* **How to complete this task**
Write out exactly the lines of the entries below from the one holding "#183=IFCINDEXEDPOLYGONALFACE((54,56,60,58));" to the one holding "1600x1600 Concrete C60/75',$,$,$,$,$,.COLUMN.);", inclusive, and leave out all other lines.

⁂

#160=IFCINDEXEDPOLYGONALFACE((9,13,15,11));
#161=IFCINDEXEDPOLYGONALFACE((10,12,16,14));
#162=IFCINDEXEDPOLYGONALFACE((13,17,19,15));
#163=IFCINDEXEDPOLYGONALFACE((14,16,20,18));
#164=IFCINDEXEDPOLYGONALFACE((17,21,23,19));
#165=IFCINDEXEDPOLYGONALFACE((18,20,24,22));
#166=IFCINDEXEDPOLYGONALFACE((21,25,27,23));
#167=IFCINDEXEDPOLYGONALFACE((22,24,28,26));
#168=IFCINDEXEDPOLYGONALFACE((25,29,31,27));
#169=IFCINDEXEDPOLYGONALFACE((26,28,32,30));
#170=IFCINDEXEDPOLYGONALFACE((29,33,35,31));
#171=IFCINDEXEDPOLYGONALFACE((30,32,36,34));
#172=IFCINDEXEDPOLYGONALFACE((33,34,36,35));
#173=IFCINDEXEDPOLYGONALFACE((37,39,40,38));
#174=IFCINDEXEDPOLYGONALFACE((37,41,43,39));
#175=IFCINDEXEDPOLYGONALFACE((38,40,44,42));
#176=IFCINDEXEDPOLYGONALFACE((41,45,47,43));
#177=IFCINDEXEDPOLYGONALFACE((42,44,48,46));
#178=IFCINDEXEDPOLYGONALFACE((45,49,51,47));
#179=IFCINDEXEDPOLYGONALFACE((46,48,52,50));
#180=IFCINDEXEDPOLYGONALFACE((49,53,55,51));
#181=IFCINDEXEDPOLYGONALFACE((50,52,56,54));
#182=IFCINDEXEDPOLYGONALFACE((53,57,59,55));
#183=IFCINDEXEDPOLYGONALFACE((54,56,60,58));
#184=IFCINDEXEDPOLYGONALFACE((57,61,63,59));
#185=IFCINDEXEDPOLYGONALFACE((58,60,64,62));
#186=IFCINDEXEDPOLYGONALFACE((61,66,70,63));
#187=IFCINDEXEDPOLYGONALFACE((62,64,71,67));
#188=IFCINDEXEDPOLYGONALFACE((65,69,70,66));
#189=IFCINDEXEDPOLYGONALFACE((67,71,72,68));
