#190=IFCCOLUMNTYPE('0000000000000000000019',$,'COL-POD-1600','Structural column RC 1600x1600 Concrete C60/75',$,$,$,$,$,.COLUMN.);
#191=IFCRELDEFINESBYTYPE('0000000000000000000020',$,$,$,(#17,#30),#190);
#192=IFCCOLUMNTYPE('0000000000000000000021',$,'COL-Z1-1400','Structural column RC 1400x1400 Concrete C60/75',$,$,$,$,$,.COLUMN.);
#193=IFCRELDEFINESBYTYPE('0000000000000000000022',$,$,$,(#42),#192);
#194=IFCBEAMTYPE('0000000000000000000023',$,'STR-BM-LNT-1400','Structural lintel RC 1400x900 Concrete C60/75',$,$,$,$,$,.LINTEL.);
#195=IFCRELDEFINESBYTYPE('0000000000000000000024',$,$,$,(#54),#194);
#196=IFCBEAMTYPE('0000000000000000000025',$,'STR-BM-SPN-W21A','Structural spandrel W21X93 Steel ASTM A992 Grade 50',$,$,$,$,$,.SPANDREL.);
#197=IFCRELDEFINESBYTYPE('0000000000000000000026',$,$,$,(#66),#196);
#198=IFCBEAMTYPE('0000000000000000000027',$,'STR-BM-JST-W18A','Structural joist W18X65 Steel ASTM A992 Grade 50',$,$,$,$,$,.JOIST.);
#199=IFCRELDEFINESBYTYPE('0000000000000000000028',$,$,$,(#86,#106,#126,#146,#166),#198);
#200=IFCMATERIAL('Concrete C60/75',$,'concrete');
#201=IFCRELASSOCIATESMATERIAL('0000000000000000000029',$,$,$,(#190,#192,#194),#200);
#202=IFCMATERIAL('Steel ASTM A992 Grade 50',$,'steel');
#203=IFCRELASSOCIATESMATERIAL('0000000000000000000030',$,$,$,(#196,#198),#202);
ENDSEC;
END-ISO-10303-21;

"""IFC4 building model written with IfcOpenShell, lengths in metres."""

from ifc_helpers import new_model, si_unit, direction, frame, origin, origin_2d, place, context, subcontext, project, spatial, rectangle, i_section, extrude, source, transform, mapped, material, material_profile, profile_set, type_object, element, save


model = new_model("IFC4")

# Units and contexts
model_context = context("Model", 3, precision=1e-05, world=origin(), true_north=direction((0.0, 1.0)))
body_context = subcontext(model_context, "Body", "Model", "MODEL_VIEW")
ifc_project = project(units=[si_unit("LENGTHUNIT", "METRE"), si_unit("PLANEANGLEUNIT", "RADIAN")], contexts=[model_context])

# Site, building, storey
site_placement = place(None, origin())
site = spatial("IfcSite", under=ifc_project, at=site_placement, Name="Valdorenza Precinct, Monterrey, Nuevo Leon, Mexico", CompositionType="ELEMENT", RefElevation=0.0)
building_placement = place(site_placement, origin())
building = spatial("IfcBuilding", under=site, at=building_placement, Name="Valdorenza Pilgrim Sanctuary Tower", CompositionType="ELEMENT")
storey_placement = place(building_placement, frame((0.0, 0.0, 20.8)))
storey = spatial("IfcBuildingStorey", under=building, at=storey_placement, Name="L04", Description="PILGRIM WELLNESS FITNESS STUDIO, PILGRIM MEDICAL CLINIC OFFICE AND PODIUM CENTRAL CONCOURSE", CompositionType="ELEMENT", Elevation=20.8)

⁂

* **Written answer**
#183=IFCINDEXEDPOLYGONALFACE((54,56,60,58));
#184=IFCINDEXEDPOLYGONALFACE((57,61,63,59));
#185=IFCINDEXEDPOLYGONALFACE((58,60,64,62));
#186=IFCINDEXEDPOLYGONALFACE((61,66,70,63));
#187=IFCINDEXEDPOLYGONALFACE((62,64,71,67));
#188=IFCINDEXEDPOLYGONALFACE((65,69,70,66));
#189=IFCINDEXEDPOLYGONALFACE((67,71,72,68));
#190=IFCCOLUMNTYPE('0000000000000000000019',$,'COL-POD-1600','Structural column RC 1600x1600 Concrete C60/75',$,$,$,$,$,.COLUMN.);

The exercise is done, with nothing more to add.